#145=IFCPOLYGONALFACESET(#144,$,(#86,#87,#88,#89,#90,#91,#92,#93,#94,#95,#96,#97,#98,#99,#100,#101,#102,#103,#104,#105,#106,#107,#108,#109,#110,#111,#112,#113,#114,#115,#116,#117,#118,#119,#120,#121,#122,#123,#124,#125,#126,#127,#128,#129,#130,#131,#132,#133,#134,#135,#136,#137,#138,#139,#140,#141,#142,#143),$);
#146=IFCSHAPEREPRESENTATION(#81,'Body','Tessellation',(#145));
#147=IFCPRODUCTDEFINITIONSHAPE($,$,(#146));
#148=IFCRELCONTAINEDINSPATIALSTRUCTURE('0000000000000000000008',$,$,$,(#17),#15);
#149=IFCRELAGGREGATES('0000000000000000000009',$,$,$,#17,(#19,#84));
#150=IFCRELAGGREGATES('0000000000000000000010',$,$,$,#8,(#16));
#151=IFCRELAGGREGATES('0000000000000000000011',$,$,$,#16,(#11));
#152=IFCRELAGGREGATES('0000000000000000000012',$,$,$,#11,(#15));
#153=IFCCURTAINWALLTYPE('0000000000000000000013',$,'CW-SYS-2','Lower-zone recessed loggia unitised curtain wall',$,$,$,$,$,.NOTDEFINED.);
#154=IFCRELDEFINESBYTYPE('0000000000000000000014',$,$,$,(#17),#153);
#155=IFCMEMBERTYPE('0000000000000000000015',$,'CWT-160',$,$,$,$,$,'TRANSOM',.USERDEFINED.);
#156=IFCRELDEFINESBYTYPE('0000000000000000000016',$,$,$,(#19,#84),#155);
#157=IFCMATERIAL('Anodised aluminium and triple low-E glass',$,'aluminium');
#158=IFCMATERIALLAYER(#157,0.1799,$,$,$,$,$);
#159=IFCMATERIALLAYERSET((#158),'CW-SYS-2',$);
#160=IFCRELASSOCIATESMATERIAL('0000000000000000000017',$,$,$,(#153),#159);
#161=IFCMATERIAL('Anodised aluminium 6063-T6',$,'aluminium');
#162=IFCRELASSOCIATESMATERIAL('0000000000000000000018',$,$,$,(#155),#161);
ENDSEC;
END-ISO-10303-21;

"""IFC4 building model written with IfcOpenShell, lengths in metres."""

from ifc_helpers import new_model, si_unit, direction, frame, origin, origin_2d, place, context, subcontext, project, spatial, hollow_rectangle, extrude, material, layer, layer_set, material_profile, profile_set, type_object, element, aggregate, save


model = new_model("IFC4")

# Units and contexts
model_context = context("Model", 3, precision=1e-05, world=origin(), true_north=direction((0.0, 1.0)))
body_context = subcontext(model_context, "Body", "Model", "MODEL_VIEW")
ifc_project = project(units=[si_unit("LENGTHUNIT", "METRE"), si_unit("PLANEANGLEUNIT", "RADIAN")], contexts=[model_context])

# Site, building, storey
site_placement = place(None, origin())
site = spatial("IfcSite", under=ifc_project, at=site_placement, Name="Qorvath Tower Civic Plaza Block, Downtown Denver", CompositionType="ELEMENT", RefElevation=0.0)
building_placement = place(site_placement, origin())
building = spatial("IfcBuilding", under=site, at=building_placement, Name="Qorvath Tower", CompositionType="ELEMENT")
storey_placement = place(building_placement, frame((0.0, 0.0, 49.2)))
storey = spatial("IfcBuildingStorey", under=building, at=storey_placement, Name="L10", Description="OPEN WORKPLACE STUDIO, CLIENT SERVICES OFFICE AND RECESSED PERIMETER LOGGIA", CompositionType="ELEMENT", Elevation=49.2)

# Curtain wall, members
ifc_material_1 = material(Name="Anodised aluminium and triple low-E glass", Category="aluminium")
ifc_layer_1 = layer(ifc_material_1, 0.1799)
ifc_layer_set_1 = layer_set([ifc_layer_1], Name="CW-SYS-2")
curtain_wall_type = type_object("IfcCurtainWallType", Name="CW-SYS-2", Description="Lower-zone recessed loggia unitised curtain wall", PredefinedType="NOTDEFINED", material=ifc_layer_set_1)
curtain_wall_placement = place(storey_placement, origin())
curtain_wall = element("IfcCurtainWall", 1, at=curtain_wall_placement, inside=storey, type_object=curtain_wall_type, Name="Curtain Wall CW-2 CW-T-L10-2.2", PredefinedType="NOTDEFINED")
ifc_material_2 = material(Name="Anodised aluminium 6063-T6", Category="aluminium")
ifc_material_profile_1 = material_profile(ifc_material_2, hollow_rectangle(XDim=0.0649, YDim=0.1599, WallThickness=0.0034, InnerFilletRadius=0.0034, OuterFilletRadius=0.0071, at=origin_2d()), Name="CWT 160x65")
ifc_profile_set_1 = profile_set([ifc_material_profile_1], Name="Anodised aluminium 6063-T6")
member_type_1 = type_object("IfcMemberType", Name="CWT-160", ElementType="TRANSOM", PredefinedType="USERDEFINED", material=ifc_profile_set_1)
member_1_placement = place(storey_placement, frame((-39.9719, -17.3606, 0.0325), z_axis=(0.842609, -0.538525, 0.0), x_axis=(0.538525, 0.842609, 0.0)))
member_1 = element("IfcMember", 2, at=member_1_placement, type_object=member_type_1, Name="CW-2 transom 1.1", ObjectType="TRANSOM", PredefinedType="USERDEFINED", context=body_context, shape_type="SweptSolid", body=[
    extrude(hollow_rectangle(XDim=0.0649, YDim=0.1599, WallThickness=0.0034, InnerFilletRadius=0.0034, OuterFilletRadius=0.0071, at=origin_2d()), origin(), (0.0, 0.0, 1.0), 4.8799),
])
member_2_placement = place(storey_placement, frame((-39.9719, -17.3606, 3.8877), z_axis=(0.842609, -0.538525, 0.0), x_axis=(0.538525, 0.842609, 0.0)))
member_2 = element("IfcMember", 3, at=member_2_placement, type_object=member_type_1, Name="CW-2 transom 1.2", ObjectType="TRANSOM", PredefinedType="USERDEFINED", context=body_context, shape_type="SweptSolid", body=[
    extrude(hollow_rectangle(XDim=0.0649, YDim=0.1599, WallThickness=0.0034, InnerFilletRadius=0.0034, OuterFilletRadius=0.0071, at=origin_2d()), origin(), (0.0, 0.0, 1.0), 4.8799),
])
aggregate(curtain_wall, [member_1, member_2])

→ PROMPT: Once you have read the entries, write them all out again exactly.

→ EXERCISE RESULT:
#145=IFCPOLYGONALFACESET(#144,$,(#86,#87,#88,#89,#90,#91,#92,#93,#94,#95,#96,#97,#98,#99,#100,#101,#102,#103,#104,#105,#106,#107,#108,#109,#110,#111,#112,#113,#114,#115,#116,#117,#118,#119,#120,#121,#122,#123,#124,#125,#126,#127,#128,#129,#130,#131,#132,#133,#134,#135,#136,#137,#138,#139,#140,#141,#142,#143),$);
#146=IFCSHAPEREPRESENTATION(#81,'Body','Tessellation',(#145));
#147=IFCPRODUCTDEFINITIONSHAPE($,$,(#146));
#148=IFCRELCONTAINEDINSPATIALSTRUCTURE('0000000000000000000008',$,$,$,(#17),#15);
#149=IFCRELAGGREGATES('0000000000000000000009',$,$,$,#17,(#19,#84));
#150=IFCRELAGGREGATES('0000000000000000000010',$,$,$,#8,(#16));
#151=IFCRELAGGREGATES('0000000000000000000011',$,$,$,#16,(#11));
#152=IFCRELAGGREGATES('0000000000000000000012',$,$,$,#11,(#15));
#153=IFCCURTAINWALLTYPE('0000000000000000000013',$,'CW-SYS-2','Lower-zone recessed loggia unitised curtain wall',$,$,$,$,$,.NOTDEFINED.);
#154=IFCRELDEFINESBYTYPE('0000000000000000000014',$,$,$,(#17),#153);
#155=IFCMEMBERTYPE('0000000000000000000015',$,'CWT-160',$,$,$,$,$,'TRANSOM',.USERDEFINED.);
#156=IFCRELDEFINESBYTYPE('0000000000000000000016',$,$,$,(#19,#84),#155);
#157=IFCMATERIAL('Anodised aluminium and triple low-E glass',$,'aluminium');
#158=IFCMATERIALLAYER(#157,0.1799,$,$,$,$,$);
#159=IFCMATERIALLAYERSET((#158),'CW-SYS-2',$);
#160=IFCRELASSOCIATESMATERIAL('0000000000000000000017',$,$,$,(#153),#159);
#161=IFCMATERIAL('Anodised aluminium 6063-T6',$,'aluminium');
#162=IFCRELASSOCIATESMATERIAL('0000000000000000000018',$,$,$,(#155),#161);
ENDSEC;
END-ISO-10303-21;

"""IFC4 building model written with IfcOpenShell, lengths in metres."""

from ifc_helpers import new_model, si_unit, direction, frame, origin, origin_2d, place, context, subcontext, project, spatial, hollow_rectangle, extrude, material, layer, layer_set, material_profile, profile_set, type_object, element, aggregate, save


model = new_model("IFC4")

# Units and contexts
model_context = context("Model", 3, precision=1e-05, world=origin(), true_north=direction((0.0, 1.0)))
body_context = subcontext(model_context, "Body", "Model", "MODEL_VIEW")
ifc_project = project(units=[si_unit("LENGTHUNIT", "METRE"), si_unit("PLANEANGLEUNIT", "RADIAN")], contexts=[model_context])

# Site, building, storey
site_placement = place(None, origin())
site = spatial("IfcSite", under=ifc_project, at=site_placement, Name="Qorvath Tower Civic Plaza Block, Downtown Denver", CompositionType="ELEMENT", RefElevation=0.0)
building_placement = place(site_placement, origin())
building = spatial("IfcBuilding", under=site, at=building_placement, Name="Qorvath Tower", CompositionType="ELEMENT")
storey_placement = place(building_placement, frame((0.0, 0.0, 49.2)))
storey = spatial("IfcBuildingStorey", under=building, at=storey_placement, Name="L10", Description="OPEN WORKPLACE STUDIO, CLIENT SERVICES OFFICE AND RECESSED PERIMETER LOGGIA", CompositionType="ELEMENT", Elevation=49.2)

# Curtain wall, members
ifc_material_1 = material(Name="Anodised aluminium and triple low-E glass", Category="aluminium")
ifc_layer_1 = layer(ifc_material_1, 0.1799)
ifc_layer_set_1 = layer_set([ifc_layer_1], Name="CW-SYS-2")
curtain_wall_type = type_object("IfcCurtainWallType", Name="CW-SYS-2", Description="Lower-zone recessed loggia unitised curtain wall", PredefinedType="NOTDEFINED", material=ifc_layer_set_1)
curtain_wall_placement = place(storey_placement, origin())
curtain_wall = element("IfcCurtainWall", 1, at=curtain_wall_placement, inside=storey, type_object=curtain_wall_type, Name="Curtain Wall CW-2 CW-T-L10-2.2", PredefinedType="NOTDEFINED")
ifc_material_2 = material(Name="Anodised aluminium 6063-T6", Category="aluminium")
ifc_material_profile_1 = material_profile(ifc_material_2, hollow_rectangle(XDim=0.0649, YDim=0.1599, WallThickness=0.0034, InnerFilletRadius=0.0034, OuterFilletRadius=0.0071, at=origin_2d()), Name="CWT 160x65")
ifc_profile_set_1 = profile_set([ifc_material_profile_1], Name="Anodised aluminium 6063-T6")
member_type_1 = type_object("IfcMemberType", Name="CWT-160", ElementType="TRANSOM", PredefinedType="USERDEFINED", material=ifc_profile_set_1)
member_1_placement = place(storey_placement, frame((-39.9719, -17.3606, 0.0325), z_axis=(0.842609, -0.538525, 0.0), x_axis=(0.538525, 0.842609, 0.0)))
member_1 = element("IfcMember", 2, at=member_1_placement, type_object=member_type_1, Name="CW-2 transom 1.1", ObjectType="TRANSOM", PredefinedType="USERDEFINED", context=body_context, shape_type="SweptSolid", body=[
    extrude(hollow_rectangle(XDim=0.0649, YDim=0.1599, WallThickness=0.0034, InnerFilletRadius=0.0034, OuterFilletRadius=0.0071, at=origin_2d()), origin(), (0.0, 0.0, 1.0), 4.8799),
])
member_2_placement = place(storey_placement, frame((-39.9719, -17.3606, 3.8877), z_axis=(0.842609, -0.538525, 0.0), x_axis=(0.538525, 0.842609, 0.0)))
member_2 = element("IfcMember", 3, at=member_2_placement, type_object=member_type_1, Name="CW-2 transom 1.2", ObjectType="TRANSOM", PredefinedType="USERDEFINED", context=body_context, shape_type="SweptSolid", body=[
    extrude(hollow_rectangle(XDim=0.0649, YDim=0.1599, WallThickness=0.0034, InnerFilletRadius=0.0034, OuterFilletRadius=0.0071, at=origin_2d()), origin(), (0.0, 0.0, 1.0), 4.8799),
])
aggregate(curtain_wall, [member_1, member_2])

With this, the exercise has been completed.